--- Data listing ---

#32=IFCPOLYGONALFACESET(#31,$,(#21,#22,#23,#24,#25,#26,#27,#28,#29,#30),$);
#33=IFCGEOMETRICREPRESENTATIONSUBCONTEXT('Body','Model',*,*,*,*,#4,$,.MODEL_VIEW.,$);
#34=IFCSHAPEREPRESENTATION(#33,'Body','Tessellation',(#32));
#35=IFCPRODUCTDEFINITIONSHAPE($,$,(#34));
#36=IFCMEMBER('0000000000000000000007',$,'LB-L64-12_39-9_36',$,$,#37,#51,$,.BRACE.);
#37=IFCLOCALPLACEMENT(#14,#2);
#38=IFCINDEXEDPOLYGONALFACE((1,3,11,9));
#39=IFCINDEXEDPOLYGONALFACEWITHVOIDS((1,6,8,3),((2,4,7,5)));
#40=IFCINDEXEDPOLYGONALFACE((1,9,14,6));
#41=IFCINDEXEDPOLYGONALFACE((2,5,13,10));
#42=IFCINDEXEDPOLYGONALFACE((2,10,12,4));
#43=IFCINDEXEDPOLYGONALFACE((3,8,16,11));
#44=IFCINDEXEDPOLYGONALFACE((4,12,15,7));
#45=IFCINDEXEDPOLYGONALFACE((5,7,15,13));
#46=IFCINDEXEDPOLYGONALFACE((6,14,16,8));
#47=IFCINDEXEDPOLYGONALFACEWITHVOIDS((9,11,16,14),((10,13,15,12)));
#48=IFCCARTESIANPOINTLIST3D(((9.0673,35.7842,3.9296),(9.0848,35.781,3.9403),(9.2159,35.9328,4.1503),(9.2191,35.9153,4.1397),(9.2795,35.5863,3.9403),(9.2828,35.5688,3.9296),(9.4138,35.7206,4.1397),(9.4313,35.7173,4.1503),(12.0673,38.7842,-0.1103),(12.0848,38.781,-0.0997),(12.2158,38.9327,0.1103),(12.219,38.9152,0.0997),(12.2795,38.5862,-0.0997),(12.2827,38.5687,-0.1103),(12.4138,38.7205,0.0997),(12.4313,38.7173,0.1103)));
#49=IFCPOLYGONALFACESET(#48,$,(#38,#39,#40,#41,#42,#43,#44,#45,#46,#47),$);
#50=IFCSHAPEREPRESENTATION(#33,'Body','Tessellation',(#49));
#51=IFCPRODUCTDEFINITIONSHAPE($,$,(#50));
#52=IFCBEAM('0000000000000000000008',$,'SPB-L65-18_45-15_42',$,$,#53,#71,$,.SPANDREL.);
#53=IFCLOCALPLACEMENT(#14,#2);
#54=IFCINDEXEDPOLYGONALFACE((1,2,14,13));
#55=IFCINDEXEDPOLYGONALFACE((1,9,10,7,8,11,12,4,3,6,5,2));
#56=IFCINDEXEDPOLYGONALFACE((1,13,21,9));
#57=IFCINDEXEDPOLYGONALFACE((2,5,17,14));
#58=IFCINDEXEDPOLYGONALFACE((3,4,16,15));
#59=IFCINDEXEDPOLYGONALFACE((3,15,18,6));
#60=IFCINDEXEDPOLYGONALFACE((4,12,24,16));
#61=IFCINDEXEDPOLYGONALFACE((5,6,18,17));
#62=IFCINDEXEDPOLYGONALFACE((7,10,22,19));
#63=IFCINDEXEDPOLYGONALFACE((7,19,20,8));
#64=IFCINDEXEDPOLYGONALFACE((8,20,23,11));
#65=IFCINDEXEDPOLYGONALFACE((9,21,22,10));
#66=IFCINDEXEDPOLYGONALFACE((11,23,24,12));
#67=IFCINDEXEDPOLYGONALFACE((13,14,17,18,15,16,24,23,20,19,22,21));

---

- _Work to complete_
Copy out exactly the lines that begin at the one with "#57=IFCINDEXEDPOLYGONALFACE((2,5,17,14));" and end at the close of the material above; nothing else belongs in the answer.

- _Answer area_
#57=IFCINDEXEDPOLYGONALFACE((2,5,17,14));
#58=IFCINDEXEDPOLYGONALFACE((3,4,16,15));
#59=IFCINDEXEDPOLYGONALFACE((3,15,18,6));
#60=IFCINDEXEDPOLYGONALFACE((4,12,24,16));
#61=IFCINDEXEDPOLYGONALFACE((5,6,18,17));
#62=IFCINDEXEDPOLYGONALFACE((7,10,22,19));
#63=IFCINDEXEDPOLYGONALFACE((7,19,20,8));
#64=IFCINDEXEDPOLYGONALFACE((8,20,23,11));
#65=IFCINDEXEDPOLYGONALFACE((9,21,22,10));
#66=IFCINDEXEDPOLYGONALFACE((11,23,24,12));
#67=IFCINDEXEDPOLYGONALFACE((13,14,17,18,15,16,24,23,20,19,22,21));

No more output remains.